_Task prompt_
Across these entries, report how many lines include the string "acoustic", with nothing but the number.

_Extracted information_
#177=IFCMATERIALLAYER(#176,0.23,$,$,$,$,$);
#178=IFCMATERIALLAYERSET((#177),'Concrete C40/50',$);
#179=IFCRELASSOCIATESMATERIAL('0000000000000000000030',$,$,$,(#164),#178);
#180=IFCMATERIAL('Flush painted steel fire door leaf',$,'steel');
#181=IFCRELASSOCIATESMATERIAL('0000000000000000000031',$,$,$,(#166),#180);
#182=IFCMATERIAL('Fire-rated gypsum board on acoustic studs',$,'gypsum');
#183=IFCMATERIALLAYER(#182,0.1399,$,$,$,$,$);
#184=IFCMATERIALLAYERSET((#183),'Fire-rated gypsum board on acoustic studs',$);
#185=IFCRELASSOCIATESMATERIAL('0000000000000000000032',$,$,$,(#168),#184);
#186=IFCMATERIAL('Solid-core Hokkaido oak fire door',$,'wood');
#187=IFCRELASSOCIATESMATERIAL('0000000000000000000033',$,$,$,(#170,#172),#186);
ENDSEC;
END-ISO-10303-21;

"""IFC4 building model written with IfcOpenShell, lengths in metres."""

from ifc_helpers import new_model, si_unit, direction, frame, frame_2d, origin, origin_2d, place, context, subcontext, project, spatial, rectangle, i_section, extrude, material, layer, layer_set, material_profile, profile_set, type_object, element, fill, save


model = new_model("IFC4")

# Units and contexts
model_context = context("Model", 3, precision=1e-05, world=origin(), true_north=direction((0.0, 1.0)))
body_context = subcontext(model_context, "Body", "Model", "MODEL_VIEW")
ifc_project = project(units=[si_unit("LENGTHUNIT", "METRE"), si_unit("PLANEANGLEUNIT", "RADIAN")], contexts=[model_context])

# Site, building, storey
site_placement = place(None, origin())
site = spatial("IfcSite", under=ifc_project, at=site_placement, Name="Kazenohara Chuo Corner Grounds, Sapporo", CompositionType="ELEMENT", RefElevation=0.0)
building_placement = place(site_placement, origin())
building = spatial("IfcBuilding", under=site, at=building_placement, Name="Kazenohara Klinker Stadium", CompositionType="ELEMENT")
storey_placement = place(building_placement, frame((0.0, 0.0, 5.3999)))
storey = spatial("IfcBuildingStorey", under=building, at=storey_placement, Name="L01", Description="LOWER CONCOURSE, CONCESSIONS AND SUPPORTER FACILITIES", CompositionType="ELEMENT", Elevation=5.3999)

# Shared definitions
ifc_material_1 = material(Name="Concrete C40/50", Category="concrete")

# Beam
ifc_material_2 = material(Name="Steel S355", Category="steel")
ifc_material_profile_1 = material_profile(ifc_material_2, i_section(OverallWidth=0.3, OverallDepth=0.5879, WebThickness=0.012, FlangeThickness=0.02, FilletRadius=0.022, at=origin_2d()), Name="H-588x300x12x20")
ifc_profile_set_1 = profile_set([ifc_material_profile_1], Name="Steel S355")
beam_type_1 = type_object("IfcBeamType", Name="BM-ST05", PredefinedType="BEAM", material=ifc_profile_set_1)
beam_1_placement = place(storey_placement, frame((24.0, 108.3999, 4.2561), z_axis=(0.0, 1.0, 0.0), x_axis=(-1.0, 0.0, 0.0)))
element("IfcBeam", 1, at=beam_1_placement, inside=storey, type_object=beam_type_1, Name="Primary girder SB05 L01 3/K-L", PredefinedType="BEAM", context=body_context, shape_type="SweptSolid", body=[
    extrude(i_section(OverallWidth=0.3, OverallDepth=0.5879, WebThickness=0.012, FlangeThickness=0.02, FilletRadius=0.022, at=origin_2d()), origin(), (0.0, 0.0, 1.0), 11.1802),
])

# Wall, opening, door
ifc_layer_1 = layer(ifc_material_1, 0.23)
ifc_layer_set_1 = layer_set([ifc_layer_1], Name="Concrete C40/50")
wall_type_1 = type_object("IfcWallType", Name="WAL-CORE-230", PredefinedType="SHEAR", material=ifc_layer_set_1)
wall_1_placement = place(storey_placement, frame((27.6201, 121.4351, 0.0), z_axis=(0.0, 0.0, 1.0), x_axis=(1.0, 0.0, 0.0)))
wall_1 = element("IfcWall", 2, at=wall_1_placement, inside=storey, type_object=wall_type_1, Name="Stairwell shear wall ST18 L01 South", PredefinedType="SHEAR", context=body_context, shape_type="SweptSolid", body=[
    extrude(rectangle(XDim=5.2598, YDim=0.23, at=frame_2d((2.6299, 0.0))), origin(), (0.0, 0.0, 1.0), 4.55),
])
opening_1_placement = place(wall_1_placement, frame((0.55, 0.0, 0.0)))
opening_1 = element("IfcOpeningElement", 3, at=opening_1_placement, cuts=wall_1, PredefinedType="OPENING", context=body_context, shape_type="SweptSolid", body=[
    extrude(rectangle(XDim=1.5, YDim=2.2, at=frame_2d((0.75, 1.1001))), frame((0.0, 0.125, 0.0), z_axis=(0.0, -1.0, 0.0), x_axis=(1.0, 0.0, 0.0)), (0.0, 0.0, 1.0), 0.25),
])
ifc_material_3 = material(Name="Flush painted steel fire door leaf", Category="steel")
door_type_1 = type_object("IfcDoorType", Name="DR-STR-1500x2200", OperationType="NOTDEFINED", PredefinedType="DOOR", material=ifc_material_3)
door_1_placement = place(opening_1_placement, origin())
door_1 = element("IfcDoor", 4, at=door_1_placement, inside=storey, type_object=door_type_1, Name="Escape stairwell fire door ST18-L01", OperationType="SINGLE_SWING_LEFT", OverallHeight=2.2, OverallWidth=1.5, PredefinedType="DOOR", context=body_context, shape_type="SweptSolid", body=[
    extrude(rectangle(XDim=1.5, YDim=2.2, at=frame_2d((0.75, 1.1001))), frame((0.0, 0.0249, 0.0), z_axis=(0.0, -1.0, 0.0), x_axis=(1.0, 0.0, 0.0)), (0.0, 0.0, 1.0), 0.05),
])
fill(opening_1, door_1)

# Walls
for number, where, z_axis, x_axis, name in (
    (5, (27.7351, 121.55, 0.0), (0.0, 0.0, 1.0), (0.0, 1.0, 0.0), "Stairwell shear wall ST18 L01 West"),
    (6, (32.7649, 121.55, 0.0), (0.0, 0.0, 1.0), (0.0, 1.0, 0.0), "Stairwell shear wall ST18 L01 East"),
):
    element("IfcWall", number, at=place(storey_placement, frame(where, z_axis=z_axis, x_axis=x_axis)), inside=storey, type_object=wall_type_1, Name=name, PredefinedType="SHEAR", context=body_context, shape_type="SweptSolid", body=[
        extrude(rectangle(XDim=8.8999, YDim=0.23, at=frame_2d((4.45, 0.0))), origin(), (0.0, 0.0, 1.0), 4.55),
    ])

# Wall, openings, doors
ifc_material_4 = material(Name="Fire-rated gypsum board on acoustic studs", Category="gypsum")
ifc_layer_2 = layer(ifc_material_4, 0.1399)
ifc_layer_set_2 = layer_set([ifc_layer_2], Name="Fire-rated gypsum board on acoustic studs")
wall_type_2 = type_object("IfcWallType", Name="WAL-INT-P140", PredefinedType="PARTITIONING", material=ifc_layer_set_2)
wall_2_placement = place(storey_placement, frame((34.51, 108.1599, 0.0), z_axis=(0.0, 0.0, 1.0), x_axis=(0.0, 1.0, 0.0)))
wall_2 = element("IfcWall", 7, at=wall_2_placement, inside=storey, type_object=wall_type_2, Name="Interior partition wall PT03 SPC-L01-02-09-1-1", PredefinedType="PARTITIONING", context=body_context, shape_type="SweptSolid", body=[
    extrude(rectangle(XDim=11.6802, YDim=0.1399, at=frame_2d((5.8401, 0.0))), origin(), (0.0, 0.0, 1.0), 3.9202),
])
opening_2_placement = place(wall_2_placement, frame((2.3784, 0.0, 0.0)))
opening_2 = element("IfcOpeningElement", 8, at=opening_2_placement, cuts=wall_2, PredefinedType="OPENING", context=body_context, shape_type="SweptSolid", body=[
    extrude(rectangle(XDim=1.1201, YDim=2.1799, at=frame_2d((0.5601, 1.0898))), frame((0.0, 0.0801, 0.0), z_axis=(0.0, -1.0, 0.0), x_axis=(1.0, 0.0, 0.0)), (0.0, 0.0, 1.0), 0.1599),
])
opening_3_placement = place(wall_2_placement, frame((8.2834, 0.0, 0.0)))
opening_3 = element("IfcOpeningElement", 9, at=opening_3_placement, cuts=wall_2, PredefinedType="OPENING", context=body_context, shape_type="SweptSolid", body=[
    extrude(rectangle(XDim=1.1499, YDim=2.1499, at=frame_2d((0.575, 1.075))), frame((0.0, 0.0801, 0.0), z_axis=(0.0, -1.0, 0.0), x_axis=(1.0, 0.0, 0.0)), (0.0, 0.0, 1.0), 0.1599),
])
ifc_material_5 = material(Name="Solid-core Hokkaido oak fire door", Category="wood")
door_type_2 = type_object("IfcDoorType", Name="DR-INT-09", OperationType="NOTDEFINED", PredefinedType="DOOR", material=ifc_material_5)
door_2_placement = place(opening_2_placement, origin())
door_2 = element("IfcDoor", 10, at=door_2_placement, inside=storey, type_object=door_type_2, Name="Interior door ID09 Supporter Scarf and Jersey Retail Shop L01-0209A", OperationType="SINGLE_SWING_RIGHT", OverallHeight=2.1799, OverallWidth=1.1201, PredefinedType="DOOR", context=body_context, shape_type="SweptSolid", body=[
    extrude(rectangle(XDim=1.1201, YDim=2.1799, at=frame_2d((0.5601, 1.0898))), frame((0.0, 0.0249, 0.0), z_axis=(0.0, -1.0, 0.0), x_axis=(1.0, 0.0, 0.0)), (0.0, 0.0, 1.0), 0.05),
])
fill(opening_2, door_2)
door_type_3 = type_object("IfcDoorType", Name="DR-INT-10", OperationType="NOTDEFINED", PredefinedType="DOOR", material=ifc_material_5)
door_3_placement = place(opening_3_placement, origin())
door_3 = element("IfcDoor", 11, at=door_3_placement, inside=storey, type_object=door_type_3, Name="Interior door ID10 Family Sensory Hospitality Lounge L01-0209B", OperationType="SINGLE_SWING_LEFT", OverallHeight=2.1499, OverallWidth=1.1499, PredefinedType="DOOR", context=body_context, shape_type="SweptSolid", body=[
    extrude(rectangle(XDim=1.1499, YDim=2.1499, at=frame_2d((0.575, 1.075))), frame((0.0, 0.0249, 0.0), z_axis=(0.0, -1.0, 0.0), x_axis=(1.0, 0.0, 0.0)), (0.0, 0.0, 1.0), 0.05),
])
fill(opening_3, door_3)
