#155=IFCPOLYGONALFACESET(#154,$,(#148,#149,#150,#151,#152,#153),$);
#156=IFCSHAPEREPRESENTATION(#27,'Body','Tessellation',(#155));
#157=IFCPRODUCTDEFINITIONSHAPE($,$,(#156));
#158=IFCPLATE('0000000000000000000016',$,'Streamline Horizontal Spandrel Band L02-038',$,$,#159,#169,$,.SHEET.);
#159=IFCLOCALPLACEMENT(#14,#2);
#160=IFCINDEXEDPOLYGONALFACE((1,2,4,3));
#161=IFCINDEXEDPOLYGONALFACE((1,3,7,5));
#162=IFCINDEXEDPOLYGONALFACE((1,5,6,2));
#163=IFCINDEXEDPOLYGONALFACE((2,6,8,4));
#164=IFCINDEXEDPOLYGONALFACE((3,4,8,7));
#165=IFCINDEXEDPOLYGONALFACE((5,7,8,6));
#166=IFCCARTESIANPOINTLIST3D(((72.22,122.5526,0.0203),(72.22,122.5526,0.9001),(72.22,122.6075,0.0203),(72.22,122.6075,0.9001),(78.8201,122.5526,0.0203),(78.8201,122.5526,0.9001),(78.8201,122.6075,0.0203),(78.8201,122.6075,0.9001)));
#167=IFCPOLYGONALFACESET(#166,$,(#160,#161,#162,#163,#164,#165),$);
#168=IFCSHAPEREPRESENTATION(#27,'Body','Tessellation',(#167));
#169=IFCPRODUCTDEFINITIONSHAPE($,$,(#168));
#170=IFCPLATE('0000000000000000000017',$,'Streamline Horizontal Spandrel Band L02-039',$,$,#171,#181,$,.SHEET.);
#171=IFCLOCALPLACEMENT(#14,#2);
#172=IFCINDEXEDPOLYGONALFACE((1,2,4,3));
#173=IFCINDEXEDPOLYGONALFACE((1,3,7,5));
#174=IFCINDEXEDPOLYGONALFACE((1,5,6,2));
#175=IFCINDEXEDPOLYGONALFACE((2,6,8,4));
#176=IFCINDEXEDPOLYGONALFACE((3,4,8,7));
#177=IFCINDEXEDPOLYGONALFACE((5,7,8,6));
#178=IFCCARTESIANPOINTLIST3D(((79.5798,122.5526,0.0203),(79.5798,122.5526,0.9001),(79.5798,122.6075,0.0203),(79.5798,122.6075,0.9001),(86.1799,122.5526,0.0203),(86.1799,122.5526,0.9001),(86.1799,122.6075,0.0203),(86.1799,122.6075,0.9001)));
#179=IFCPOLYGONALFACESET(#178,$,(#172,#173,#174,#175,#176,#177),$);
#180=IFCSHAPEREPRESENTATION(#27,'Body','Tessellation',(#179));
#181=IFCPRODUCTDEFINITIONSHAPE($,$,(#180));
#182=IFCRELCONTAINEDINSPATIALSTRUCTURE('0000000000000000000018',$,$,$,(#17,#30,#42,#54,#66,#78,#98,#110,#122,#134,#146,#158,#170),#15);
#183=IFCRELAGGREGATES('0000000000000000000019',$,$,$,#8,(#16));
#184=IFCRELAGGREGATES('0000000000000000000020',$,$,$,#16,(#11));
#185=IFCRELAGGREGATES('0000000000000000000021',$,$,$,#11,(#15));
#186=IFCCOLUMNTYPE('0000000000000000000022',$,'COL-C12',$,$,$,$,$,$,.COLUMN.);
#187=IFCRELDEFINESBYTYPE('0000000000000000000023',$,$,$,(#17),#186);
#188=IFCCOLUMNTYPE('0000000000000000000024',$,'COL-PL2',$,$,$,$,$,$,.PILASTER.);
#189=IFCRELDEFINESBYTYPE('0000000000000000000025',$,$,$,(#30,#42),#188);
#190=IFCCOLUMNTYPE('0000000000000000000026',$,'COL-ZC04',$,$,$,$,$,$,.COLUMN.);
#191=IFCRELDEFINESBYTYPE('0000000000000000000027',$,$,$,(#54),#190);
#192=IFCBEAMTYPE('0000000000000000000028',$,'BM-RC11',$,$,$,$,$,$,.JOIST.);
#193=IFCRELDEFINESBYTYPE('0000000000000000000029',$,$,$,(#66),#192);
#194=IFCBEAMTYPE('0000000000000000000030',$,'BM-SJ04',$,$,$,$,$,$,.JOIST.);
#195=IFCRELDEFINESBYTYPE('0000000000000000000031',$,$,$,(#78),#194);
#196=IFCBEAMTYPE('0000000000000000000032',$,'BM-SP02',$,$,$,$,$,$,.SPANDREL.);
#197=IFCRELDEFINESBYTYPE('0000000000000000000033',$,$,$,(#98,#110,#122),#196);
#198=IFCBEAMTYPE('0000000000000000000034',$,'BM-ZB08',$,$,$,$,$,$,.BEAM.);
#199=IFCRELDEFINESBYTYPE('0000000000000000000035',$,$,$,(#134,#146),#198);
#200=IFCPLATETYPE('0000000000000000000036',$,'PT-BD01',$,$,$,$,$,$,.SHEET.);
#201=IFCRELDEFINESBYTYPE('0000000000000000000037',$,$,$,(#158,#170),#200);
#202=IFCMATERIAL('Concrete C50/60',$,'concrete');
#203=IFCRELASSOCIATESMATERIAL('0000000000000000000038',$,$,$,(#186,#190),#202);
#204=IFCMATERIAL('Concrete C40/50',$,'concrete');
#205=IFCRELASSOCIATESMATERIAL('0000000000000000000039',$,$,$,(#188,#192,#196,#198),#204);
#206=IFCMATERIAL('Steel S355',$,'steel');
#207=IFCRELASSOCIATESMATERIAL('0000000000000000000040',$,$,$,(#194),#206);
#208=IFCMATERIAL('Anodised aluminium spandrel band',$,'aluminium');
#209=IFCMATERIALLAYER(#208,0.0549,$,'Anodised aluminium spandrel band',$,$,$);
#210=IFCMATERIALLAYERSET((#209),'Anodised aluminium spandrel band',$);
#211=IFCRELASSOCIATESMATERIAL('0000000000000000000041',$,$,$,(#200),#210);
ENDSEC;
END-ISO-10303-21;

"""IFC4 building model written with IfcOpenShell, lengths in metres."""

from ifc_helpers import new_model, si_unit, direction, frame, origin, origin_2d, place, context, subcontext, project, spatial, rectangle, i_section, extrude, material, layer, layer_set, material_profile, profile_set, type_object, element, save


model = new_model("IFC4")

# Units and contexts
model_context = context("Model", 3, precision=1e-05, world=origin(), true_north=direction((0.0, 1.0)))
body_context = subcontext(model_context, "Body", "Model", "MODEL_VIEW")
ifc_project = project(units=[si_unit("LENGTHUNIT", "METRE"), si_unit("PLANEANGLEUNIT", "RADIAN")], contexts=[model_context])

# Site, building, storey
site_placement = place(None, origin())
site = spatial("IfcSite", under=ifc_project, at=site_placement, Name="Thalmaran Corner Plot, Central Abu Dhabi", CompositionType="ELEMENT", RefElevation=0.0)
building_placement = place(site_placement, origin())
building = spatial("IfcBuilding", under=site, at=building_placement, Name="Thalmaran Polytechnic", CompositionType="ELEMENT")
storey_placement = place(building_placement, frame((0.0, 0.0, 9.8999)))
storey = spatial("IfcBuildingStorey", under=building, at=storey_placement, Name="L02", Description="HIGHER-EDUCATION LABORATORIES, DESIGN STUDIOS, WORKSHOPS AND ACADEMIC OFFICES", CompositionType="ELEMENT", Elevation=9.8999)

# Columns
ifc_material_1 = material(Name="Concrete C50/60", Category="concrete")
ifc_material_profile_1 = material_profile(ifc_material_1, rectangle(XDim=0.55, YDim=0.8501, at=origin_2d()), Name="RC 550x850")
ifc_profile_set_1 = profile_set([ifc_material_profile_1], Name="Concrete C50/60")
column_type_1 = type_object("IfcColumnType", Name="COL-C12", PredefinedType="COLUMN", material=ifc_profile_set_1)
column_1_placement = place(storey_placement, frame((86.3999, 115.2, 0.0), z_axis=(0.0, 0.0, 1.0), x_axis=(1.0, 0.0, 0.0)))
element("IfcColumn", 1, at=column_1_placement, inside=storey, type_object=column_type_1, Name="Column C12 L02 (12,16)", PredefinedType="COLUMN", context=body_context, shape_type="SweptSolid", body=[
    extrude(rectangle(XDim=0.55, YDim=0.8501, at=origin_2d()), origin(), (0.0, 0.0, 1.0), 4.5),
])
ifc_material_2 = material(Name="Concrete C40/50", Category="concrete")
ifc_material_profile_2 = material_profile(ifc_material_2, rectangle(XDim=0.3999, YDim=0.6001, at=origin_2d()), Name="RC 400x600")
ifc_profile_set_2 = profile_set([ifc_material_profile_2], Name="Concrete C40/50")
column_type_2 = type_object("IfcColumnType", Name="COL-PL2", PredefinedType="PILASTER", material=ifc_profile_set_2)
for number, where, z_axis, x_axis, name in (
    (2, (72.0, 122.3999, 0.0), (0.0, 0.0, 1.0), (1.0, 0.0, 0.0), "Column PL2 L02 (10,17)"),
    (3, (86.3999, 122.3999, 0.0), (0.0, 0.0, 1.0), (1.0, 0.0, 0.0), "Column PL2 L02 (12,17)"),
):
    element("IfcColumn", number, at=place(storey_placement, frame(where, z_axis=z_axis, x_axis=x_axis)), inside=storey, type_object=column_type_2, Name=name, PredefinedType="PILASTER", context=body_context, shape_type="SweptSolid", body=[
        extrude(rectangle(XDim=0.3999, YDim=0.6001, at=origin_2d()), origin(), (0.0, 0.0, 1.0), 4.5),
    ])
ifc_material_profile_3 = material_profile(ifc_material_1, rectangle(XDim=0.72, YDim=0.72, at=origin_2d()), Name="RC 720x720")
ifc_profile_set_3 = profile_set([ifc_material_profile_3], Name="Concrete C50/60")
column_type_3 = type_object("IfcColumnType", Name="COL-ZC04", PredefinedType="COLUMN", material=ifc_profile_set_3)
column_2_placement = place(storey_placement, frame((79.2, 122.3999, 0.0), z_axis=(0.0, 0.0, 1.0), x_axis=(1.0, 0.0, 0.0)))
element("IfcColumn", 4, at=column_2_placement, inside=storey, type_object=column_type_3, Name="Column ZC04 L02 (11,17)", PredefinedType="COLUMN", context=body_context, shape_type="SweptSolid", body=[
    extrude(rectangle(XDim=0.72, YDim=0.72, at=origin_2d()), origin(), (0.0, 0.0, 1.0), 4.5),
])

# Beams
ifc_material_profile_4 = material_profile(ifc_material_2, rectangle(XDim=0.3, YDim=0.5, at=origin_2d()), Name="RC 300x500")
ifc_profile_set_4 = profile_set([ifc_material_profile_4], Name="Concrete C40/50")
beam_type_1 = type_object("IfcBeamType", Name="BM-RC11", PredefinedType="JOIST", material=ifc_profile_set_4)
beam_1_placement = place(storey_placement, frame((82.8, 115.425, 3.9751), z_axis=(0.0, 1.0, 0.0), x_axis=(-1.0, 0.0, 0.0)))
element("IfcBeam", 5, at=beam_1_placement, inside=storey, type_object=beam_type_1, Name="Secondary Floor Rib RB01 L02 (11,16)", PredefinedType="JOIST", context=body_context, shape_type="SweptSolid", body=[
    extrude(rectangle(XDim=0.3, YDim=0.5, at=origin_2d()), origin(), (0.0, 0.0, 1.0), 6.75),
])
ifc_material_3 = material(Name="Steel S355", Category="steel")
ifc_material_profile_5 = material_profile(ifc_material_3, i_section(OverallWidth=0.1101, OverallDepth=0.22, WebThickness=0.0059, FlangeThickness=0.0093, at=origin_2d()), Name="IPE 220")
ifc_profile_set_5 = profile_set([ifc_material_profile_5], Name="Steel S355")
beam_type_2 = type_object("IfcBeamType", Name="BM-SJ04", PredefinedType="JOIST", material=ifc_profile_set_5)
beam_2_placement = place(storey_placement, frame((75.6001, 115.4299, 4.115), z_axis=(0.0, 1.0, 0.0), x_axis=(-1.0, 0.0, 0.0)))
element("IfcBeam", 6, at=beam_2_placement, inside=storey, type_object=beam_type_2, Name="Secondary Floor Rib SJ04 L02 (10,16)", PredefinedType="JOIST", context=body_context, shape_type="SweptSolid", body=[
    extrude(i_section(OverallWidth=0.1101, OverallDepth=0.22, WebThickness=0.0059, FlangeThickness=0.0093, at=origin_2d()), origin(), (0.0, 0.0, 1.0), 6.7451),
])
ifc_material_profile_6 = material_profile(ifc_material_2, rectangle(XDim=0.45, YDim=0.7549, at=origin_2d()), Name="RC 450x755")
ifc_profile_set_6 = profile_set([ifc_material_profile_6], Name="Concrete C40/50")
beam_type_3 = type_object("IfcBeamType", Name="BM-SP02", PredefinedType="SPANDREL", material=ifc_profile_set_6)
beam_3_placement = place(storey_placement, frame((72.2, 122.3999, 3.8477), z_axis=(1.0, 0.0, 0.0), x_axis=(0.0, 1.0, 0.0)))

_Answer for this exercise_
4